Records from a dataset:
□ □ □ □ □

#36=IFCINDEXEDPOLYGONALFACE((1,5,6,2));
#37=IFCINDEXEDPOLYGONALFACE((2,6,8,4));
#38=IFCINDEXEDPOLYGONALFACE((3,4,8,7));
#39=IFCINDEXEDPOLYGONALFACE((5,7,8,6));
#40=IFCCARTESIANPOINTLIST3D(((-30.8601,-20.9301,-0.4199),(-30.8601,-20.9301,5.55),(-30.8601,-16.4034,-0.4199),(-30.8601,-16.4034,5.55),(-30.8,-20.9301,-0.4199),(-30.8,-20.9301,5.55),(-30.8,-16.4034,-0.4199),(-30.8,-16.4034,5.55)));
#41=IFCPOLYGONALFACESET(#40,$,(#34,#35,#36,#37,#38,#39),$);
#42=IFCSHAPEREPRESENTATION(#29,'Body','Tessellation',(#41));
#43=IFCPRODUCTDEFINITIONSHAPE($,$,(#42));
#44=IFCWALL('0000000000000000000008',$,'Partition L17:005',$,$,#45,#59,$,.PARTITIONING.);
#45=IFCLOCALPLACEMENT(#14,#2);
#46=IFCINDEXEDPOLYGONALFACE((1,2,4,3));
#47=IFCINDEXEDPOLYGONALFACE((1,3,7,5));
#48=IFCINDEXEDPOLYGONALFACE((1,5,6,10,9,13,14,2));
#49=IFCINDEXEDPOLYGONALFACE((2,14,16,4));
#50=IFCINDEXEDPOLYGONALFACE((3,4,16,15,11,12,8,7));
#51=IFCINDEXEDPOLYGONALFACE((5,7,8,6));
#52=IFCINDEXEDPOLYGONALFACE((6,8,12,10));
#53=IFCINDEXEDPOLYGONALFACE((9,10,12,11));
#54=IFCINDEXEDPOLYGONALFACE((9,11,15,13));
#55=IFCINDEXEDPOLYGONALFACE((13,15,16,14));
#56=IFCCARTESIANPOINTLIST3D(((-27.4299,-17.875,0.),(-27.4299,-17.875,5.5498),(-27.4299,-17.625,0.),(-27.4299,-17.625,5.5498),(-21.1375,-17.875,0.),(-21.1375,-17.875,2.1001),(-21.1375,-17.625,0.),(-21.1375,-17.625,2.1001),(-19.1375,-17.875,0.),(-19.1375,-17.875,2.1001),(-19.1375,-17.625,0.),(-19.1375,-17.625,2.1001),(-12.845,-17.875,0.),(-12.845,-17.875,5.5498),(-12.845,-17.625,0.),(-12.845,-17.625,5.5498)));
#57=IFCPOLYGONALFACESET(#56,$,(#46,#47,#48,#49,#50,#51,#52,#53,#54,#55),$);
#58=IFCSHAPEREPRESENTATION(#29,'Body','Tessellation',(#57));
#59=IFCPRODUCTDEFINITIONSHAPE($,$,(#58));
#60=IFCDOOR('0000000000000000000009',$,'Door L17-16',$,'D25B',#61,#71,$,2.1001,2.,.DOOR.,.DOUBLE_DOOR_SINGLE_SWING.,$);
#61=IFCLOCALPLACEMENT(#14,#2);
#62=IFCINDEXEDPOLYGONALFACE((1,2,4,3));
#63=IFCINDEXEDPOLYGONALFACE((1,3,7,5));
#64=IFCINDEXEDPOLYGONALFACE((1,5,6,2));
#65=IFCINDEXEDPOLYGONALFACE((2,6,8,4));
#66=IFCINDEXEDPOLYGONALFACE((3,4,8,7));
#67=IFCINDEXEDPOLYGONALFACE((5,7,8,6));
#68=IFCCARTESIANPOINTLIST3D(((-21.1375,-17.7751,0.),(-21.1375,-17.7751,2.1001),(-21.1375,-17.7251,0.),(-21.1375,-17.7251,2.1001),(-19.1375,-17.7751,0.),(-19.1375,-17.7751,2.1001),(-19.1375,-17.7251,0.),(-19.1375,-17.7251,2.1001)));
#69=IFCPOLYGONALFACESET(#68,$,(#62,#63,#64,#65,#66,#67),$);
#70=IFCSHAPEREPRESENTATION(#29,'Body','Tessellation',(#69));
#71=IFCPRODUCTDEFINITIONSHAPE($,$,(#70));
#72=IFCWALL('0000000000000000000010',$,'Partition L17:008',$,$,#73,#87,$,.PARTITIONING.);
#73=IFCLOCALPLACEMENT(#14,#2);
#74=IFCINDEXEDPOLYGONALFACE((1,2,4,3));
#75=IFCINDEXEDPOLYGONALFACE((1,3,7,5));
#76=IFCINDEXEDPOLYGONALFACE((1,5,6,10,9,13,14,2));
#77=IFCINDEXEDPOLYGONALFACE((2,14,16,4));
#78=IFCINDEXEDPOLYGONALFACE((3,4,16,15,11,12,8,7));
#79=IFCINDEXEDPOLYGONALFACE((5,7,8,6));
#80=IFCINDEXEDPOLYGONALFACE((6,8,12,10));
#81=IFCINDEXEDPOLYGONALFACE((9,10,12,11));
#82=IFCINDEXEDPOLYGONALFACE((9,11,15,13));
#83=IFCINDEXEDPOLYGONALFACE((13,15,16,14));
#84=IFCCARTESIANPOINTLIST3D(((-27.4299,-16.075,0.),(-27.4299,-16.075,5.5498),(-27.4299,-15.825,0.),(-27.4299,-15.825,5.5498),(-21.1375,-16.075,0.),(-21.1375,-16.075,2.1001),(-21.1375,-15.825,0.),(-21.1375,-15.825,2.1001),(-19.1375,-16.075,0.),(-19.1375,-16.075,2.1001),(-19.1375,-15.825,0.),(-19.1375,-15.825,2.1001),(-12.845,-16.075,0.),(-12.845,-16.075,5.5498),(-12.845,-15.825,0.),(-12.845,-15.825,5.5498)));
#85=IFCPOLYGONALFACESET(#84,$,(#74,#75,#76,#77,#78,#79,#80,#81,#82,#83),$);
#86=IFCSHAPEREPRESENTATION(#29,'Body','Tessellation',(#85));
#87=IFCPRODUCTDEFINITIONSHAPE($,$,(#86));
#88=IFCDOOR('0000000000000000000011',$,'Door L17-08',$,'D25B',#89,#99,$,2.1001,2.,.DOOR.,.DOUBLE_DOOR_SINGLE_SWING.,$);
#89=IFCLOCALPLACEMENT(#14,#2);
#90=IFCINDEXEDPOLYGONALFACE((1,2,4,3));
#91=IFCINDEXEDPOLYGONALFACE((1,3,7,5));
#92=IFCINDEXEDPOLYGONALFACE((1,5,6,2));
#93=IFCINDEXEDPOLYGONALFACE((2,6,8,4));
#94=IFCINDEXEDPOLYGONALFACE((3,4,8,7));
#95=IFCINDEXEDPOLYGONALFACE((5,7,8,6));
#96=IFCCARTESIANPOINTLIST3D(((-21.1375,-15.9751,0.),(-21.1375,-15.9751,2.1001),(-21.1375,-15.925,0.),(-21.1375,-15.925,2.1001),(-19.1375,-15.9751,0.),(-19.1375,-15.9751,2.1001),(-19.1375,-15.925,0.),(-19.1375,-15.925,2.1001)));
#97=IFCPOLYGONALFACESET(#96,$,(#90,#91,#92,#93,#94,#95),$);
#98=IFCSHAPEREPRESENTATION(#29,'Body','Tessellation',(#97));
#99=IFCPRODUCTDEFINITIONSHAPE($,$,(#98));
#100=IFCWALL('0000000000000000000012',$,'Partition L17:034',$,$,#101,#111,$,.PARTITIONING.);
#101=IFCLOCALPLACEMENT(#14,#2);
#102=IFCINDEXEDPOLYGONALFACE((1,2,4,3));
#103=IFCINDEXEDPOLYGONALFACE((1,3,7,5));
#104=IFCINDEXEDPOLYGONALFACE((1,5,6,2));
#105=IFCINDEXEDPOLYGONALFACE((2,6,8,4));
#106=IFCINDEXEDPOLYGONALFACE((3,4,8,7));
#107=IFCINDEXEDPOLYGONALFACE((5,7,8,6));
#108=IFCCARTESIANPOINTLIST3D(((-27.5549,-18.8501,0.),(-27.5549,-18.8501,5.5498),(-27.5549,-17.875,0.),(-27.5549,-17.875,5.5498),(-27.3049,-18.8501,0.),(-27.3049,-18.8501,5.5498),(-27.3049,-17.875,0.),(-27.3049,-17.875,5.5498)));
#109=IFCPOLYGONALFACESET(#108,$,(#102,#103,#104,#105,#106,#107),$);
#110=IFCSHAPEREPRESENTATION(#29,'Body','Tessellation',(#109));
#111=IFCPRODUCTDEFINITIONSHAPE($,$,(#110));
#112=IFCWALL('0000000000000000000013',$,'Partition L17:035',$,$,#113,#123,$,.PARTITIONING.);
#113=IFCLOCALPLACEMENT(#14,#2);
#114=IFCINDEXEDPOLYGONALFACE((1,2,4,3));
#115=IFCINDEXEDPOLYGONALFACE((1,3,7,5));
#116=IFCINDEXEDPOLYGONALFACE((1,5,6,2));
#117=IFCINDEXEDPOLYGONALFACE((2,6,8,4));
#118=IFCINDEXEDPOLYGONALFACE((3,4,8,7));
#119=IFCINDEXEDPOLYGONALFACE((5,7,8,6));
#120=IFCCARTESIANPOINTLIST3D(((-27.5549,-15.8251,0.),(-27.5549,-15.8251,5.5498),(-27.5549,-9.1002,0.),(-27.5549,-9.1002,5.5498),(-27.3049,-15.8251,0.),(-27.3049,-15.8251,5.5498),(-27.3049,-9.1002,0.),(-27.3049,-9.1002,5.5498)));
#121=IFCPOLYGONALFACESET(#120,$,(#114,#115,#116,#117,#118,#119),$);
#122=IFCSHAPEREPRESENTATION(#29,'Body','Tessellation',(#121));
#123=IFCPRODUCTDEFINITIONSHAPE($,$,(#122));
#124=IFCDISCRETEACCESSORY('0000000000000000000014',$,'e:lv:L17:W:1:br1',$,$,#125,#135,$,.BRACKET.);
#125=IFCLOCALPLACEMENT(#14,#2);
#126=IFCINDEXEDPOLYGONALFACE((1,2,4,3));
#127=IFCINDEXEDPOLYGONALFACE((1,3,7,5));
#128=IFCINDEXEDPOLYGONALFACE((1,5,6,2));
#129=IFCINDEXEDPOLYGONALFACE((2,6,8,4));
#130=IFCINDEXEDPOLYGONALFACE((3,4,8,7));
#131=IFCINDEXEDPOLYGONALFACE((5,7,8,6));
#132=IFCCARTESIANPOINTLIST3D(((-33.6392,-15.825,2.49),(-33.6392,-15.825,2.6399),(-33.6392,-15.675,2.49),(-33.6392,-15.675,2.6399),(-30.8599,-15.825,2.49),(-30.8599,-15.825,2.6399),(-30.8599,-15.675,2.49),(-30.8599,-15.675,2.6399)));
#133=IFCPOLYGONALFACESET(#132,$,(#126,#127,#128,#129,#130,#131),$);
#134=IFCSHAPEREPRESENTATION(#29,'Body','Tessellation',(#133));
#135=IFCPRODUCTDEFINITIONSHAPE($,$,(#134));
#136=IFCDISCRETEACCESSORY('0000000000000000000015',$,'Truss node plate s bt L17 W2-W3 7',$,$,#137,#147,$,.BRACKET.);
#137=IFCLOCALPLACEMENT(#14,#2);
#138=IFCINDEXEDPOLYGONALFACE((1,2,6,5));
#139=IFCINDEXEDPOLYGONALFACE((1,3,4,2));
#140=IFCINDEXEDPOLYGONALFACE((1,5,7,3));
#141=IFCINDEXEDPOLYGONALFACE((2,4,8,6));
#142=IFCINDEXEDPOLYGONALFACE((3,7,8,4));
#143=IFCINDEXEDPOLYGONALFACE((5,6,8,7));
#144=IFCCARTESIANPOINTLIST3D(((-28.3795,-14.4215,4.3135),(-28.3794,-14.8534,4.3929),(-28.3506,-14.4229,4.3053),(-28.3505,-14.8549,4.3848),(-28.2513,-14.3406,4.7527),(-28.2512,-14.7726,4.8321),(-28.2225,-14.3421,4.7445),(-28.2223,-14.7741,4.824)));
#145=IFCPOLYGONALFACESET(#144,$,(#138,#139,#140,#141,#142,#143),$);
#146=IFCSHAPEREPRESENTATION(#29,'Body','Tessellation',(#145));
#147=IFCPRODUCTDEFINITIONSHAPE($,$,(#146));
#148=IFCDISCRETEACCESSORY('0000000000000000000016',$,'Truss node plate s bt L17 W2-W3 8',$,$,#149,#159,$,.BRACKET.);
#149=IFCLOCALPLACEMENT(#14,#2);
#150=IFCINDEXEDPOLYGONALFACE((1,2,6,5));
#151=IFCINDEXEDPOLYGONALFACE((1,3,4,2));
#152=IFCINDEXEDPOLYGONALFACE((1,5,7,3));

□ □ □ □ □

Exercise
Above are the records; from them, give again exactly the lines from the one containing "#65=IFCINDEXEDPOLYGONALFACE((2,6,8,4));" to the one containing "#67=IFCINDEXEDPOLYGONALFACE((5,7,8,6));", both lines included, and nothing more.

Output for this task
#65=IFCINDEXEDPOLYGONALFACE((2,6,8,4));
#66=IFCINDEXEDPOLYGONALFACE((3,4,8,7));
#67=IFCINDEXEDPOLYGONALFACE((5,7,8,6));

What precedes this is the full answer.